◆ **What you have to do**: Every record must be retyped exactly as it reads.

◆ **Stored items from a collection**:

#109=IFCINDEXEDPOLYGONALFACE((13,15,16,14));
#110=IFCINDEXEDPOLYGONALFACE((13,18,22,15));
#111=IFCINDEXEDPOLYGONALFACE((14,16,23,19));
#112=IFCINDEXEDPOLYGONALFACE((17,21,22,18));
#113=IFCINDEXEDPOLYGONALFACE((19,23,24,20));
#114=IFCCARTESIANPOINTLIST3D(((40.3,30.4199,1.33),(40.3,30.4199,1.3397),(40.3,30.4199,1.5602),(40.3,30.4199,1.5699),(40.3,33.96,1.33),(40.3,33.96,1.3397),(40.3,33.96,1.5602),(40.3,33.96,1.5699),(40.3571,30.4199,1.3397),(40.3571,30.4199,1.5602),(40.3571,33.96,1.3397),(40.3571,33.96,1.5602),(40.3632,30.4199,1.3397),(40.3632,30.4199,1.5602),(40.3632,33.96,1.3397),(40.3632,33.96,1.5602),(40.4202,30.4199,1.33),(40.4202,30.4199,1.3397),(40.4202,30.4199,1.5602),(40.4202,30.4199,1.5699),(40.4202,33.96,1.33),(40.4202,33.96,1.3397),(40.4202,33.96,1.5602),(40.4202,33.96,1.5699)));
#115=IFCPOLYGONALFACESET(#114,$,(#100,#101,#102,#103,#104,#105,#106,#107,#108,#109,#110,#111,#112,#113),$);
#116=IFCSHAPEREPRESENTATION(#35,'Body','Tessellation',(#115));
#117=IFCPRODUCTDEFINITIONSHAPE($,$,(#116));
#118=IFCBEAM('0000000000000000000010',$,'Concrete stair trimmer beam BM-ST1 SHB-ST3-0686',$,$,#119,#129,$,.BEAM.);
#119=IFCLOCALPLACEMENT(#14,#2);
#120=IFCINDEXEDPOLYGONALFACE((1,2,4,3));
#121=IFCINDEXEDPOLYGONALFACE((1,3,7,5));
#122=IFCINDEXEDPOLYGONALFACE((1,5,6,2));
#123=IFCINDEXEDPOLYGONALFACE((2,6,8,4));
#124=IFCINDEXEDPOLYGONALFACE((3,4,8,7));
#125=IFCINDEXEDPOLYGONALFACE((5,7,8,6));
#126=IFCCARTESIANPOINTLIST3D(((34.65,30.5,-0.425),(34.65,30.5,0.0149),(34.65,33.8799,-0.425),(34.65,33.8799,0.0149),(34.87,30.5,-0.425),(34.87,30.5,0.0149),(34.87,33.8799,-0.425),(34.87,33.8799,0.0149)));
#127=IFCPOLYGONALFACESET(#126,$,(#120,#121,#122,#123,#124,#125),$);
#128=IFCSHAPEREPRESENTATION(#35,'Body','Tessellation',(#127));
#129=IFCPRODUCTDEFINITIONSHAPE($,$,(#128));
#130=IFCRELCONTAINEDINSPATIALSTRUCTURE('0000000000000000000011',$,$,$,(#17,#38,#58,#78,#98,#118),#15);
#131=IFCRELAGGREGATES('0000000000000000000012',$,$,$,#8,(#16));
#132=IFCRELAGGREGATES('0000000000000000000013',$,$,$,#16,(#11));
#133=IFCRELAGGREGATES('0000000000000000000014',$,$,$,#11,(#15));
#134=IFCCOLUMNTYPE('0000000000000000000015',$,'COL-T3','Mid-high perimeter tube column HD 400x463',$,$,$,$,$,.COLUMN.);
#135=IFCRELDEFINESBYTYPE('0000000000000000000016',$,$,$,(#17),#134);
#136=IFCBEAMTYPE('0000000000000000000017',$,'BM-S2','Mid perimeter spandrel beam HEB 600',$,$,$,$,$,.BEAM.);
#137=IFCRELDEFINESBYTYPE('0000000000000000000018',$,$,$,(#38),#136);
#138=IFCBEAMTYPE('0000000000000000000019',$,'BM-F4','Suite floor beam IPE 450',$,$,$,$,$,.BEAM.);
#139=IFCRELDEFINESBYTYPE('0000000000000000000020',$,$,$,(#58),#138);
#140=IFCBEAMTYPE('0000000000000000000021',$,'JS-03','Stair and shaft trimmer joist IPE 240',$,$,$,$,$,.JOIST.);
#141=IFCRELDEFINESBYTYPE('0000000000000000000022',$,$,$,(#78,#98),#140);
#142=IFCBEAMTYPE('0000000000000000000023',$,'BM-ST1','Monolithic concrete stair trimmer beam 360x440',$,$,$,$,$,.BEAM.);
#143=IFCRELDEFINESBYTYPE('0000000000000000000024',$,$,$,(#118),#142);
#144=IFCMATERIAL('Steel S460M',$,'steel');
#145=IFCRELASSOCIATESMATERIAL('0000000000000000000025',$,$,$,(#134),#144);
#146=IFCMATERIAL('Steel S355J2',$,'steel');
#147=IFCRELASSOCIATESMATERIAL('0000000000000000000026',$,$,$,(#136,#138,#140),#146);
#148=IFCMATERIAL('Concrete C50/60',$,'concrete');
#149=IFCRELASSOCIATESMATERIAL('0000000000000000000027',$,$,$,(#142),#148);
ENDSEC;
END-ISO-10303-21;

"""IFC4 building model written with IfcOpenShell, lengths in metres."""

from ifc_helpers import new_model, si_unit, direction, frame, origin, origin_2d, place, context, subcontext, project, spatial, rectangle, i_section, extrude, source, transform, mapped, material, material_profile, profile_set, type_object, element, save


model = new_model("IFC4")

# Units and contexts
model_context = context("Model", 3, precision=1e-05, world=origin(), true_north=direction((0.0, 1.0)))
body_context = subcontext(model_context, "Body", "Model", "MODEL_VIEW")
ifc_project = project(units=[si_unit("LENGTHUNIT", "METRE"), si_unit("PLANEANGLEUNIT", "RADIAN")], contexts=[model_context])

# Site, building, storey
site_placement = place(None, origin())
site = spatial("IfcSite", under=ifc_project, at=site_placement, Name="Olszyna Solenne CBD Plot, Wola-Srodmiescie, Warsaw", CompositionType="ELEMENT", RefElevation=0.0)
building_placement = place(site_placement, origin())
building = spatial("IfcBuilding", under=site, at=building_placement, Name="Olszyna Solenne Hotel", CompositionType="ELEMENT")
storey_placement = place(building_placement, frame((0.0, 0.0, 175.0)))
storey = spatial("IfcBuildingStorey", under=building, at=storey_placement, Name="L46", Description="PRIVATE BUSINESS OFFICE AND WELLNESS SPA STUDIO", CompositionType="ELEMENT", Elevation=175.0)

◆ **Response below**:
#109=IFCINDEXEDPOLYGONALFACE((13,15,16,14));
#110=IFCINDEXEDPOLYGONALFACE((13,18,22,15));
#111=IFCINDEXEDPOLYGONALFACE((14,16,23,19));
#112=IFCINDEXEDPOLYGONALFACE((17,21,22,18));
#113=IFCINDEXEDPOLYGONALFACE((19,23,24,20));
#114=IFCCARTESIANPOINTLIST3D(((40.3,30.4199,1.33),(40.3,30.4199,1.3397),(40.3,30.4199,1.5602),(40.3,30.4199,1.5699),(40.3,33.96,1.33),(40.3,33.96,1.3397),(40.3,33.96,1.5602),(40.3,33.96,1.5699),(40.3571,30.4199,1.3397),(40.3571,30.4199,1.5602),(40.3571,33.96,1.3397),(40.3571,33.96,1.5602),(40.3632,30.4199,1.3397),(40.3632,30.4199,1.5602),(40.3632,33.96,1.3397),(40.3632,33.96,1.5602),(40.4202,30.4199,1.33),(40.4202,30.4199,1.3397),(40.4202,30.4199,1.5602),(40.4202,30.4199,1.5699),(40.4202,33.96,1.33),(40.4202,33.96,1.3397),(40.4202,33.96,1.5602),(40.4202,33.96,1.5699)));
#115=IFCPOLYGONALFACESET(#114,$,(#100,#101,#102,#103,#104,#105,#106,#107,#108,#109,#110,#111,#112,#113),$);
#116=IFCSHAPEREPRESENTATION(#35,'Body','Tessellation',(#115));
#117=IFCPRODUCTDEFINITIONSHAPE($,$,(#116));
#118=IFCBEAM('0000000000000000000010',$,'Concrete stair trimmer beam BM-ST1 SHB-ST3-0686',$,$,#119,#129,$,.BEAM.);
#119=IFCLOCALPLACEMENT(#14,#2);
#120=IFCINDEXEDPOLYGONALFACE((1,2,4,3));
#121=IFCINDEXEDPOLYGONALFACE((1,3,7,5));
#122=IFCINDEXEDPOLYGONALFACE((1,5,6,2));
#123=IFCINDEXEDPOLYGONALFACE((2,6,8,4));
#124=IFCINDEXEDPOLYGONALFACE((3,4,8,7));
#125=IFCINDEXEDPOLYGONALFACE((5,7,8,6));
#126=IFCCARTESIANPOINTLIST3D(((34.65,30.5,-0.425),(34.65,30.5,0.0149),(34.65,33.8799,-0.425),(34.65,33.8799,0.0149),(34.87,30.5,-0.425),(34.87,30.5,0.0149),(34.87,33.8799,-0.425),(34.87,33.8799,0.0149)));
#127=IFCPOLYGONALFACESET(#126,$,(#120,#121,#122,#123,#124,#125),$);
#128=IFCSHAPEREPRESENTATION(#35,'Body','Tessellation',(#127));
#129=IFCPRODUCTDEFINITIONSHAPE($,$,(#128));
#130=IFCRELCONTAINEDINSPATIALSTRUCTURE('0000000000000000000011',$,$,$,(#17,#38,#58,#78,#98,#118),#15);
#131=IFCRELAGGREGATES('0000000000000000000012',$,$,$,#8,(#16));
#132=IFCRELAGGREGATES('0000000000000000000013',$,$,$,#16,(#11));
#133=IFCRELAGGREGATES('0000000000000000000014',$,$,$,#11,(#15));
#134=IFCCOLUMNTYPE('0000000000000000000015',$,'COL-T3','Mid-high perimeter tube column HD 400x463',$,$,$,$,$,.COLUMN.);
#135=IFCRELDEFINESBYTYPE('0000000000000000000016',$,$,$,(#17),#134);
#136=IFCBEAMTYPE('0000000000000000000017',$,'BM-S2','Mid perimeter spandrel beam HEB 600',$,$,$,$,$,.BEAM.);
#137=IFCRELDEFINESBYTYPE('0000000000000000000018',$,$,$,(#38),#136);
#138=IFCBEAMTYPE('0000000000000000000019',$,'BM-F4','Suite floor beam IPE 450',$,$,$,$,$,.BEAM.);
#139=IFCRELDEFINESBYTYPE('0000000000000000000020',$,$,$,(#58),#138);
#140=IFCBEAMTYPE('0000000000000000000021',$,'JS-03','Stair and shaft trimmer joist IPE 240',$,$,$,$,$,.JOIST.);
#141=IFCRELDEFINESBYTYPE('0000000000000000000022',$,$,$,(#78,#98),#140);
#142=IFCBEAMTYPE('0000000000000000000023',$,'BM-ST1','Monolithic concrete stair trimmer beam 360x440',$,$,$,$,$,.BEAM.);
#143=IFCRELDEFINESBYTYPE('0000000000000000000024',$,$,$,(#118),#142);
#144=IFCMATERIAL('Steel S460M',$,'steel');
#145=IFCRELASSOCIATESMATERIAL('0000000000000000000025',$,$,$,(#134),#144);
#146=IFCMATERIAL('Steel S355J2',$,'steel');
#147=IFCRELASSOCIATESMATERIAL('0000000000000000000026',$,$,$,(#136,#138,#140),#146);
#148=IFCMATERIAL('Concrete C50/60',$,'concrete');
#149=IFCRELASSOCIATESMATERIAL('0000000000000000000027',$,$,$,(#142),#148);
ENDSEC;
END-ISO-10303-21;

"""IFC4 building model written with IfcOpenShell, lengths in metres."""

from ifc_helpers import new_model, si_unit, direction, frame, origin, origin_2d, place, context, subcontext, project, spatial, rectangle, i_section, extrude, source, transform, mapped, material, material_profile, profile_set, type_object, element, save


model = new_model("IFC4")

# Units and contexts
model_context = context("Model", 3, precision=1e-05, world=origin(), true_north=direction((0.0, 1.0)))
body_context = subcontext(model_context, "Body", "Model", "MODEL_VIEW")
ifc_project = project(units=[si_unit("LENGTHUNIT", "METRE"), si_unit("PLANEANGLEUNIT", "RADIAN")], contexts=[model_context])

# Site, building, storey
site_placement = place(None, origin())
site = spatial("IfcSite", under=ifc_project, at=site_placement, Name="Olszyna Solenne CBD Plot, Wola-Srodmiescie, Warsaw", CompositionType="ELEMENT", RefElevation=0.0)
building_placement = place(site_placement, origin())
building = spatial("IfcBuilding", under=site, at=building_placement, Name="Olszyna Solenne Hotel", CompositionType="ELEMENT")
storey_placement = place(building_placement, frame((0.0, 0.0, 175.0)))
storey = spatial("IfcBuildingStorey", under=building, at=storey_placement, Name="L46", Description="PRIVATE BUSINESS OFFICE AND WELLNESS SPA STUDIO", CompositionType="ELEMENT", Elevation=175.0)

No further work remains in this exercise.